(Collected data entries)

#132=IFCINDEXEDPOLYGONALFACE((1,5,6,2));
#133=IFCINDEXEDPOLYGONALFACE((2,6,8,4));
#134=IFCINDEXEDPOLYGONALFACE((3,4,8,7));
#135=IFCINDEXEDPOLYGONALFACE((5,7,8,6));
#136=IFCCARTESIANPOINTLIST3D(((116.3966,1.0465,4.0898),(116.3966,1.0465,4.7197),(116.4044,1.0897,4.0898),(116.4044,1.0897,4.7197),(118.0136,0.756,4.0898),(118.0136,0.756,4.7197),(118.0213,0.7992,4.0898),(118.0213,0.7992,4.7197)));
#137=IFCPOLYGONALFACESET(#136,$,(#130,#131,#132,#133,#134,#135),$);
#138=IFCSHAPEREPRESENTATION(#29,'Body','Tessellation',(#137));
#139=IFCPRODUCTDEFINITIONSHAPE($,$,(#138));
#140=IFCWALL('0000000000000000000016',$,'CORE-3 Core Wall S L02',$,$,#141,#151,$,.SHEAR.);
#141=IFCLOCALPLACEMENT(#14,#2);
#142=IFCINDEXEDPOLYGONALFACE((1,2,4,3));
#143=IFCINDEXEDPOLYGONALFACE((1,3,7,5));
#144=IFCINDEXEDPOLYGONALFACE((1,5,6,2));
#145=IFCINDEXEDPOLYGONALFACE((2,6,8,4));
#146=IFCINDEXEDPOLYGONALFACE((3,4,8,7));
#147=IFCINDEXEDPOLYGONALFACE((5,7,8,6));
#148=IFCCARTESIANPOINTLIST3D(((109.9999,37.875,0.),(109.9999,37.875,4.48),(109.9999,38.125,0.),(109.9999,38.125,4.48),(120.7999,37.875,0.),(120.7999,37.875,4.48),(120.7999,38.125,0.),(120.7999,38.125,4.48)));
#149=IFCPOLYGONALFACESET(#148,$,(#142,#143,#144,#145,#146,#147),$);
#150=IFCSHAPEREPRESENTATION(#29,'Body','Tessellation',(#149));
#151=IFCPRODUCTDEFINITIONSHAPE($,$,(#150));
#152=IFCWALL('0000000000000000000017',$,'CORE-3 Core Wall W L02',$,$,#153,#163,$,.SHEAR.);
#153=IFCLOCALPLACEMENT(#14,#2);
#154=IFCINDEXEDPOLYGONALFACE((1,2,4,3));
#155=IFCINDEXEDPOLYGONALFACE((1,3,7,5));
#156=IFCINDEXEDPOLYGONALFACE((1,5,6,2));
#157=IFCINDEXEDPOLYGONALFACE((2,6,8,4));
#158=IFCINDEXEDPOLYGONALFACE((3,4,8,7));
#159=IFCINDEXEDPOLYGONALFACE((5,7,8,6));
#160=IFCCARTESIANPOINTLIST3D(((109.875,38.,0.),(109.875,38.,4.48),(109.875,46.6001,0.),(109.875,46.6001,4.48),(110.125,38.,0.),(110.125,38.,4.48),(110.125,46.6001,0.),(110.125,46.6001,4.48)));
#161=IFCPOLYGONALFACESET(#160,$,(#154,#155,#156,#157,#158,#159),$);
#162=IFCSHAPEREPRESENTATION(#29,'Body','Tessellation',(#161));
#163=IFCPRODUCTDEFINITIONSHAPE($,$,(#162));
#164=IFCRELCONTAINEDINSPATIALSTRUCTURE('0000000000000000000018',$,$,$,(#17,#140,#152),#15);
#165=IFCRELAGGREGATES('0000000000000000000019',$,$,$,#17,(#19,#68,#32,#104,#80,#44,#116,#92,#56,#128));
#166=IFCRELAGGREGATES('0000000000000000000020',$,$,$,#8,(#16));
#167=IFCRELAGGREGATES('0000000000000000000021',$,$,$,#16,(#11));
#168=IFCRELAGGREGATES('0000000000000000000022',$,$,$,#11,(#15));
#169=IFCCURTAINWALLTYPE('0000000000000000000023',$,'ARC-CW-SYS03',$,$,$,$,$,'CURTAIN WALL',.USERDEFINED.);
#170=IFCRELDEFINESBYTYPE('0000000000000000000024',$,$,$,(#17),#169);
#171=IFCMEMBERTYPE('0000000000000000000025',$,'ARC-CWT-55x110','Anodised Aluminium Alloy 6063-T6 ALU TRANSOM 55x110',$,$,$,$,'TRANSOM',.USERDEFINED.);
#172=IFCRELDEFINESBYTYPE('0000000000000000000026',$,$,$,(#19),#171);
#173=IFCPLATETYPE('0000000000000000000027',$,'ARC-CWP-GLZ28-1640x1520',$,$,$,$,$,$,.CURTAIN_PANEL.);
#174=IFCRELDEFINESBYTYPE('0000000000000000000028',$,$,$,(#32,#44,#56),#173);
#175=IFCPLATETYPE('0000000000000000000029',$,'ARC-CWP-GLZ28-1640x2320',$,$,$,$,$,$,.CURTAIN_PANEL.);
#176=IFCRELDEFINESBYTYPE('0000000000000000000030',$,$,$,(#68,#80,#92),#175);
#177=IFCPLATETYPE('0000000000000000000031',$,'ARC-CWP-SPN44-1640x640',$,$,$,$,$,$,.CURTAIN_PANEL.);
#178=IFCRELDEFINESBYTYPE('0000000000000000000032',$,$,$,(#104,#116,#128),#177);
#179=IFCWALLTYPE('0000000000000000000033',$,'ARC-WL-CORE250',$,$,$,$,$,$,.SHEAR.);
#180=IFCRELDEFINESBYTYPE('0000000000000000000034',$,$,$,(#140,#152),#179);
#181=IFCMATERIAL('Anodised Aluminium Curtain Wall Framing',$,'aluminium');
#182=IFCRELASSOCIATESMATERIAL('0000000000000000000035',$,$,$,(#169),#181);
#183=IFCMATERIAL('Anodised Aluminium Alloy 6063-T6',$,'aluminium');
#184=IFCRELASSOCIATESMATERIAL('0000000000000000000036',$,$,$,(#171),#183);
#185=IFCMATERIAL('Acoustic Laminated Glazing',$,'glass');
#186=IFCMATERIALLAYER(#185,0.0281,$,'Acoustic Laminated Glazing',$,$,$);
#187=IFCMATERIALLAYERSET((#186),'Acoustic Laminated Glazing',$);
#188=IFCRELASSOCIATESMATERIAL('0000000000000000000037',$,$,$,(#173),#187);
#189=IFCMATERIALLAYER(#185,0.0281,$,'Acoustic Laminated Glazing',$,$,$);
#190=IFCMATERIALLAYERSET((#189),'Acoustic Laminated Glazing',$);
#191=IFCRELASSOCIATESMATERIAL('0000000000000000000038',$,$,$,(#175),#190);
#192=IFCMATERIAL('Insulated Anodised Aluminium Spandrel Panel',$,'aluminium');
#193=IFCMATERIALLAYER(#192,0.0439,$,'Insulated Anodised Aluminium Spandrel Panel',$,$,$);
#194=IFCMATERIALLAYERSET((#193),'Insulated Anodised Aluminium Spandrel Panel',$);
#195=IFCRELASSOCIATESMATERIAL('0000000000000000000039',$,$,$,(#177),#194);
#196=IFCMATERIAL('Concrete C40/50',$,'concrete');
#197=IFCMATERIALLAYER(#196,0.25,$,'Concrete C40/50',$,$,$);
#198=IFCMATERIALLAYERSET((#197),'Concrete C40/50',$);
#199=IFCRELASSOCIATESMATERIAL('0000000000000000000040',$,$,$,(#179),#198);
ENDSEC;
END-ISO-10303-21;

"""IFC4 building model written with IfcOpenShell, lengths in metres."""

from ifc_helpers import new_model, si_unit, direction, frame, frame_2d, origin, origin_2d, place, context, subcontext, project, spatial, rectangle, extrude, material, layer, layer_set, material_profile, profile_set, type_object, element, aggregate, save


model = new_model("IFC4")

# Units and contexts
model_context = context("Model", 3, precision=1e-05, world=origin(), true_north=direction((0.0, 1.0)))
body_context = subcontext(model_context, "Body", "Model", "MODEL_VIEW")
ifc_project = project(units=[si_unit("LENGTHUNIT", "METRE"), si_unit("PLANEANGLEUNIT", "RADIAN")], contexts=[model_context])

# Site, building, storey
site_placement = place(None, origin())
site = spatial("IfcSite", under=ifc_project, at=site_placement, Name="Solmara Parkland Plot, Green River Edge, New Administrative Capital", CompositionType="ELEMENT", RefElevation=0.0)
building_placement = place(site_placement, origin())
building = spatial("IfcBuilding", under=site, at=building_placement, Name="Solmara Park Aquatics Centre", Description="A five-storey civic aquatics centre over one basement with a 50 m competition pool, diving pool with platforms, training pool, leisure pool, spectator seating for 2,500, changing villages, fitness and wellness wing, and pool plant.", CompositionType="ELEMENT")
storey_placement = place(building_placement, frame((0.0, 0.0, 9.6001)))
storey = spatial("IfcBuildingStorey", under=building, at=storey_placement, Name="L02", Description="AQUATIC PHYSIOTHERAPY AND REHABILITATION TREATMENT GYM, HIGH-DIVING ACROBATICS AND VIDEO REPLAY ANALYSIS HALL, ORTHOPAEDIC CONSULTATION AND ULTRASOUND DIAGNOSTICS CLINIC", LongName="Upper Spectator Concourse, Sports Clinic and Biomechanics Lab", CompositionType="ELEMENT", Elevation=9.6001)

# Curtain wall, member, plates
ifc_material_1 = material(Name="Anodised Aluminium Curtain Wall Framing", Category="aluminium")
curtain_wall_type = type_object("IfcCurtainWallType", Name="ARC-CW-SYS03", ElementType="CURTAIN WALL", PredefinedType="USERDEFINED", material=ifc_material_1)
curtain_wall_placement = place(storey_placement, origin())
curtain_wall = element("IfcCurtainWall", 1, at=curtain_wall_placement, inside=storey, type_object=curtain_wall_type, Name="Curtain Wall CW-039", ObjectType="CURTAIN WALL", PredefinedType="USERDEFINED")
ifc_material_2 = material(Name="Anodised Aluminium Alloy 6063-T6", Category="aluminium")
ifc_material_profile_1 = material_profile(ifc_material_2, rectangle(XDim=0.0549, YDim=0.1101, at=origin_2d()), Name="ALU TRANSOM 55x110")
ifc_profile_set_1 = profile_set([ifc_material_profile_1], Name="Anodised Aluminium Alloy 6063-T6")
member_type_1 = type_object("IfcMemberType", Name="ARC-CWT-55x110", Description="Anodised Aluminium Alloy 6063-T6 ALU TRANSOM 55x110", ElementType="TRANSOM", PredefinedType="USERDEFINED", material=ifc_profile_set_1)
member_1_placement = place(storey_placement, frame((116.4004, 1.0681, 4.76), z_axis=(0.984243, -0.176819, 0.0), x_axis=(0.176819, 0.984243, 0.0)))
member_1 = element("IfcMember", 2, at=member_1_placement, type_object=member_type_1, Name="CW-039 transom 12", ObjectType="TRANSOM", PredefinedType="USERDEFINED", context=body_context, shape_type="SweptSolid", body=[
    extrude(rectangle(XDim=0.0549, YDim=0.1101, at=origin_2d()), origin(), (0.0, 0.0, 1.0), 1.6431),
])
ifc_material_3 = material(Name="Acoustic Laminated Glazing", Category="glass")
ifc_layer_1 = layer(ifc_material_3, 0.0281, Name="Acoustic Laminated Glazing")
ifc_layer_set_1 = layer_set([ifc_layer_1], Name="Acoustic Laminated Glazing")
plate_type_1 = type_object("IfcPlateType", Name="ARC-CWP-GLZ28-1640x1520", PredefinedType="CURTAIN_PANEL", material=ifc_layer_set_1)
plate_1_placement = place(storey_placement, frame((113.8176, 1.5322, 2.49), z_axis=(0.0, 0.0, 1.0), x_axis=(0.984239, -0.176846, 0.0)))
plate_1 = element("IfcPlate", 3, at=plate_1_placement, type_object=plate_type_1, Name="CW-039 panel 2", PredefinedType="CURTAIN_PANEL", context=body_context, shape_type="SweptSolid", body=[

■ Task details
Determine the number of lines in the preceding data that contain the word "Insulated". Reply with that number only.

■ Answer space
3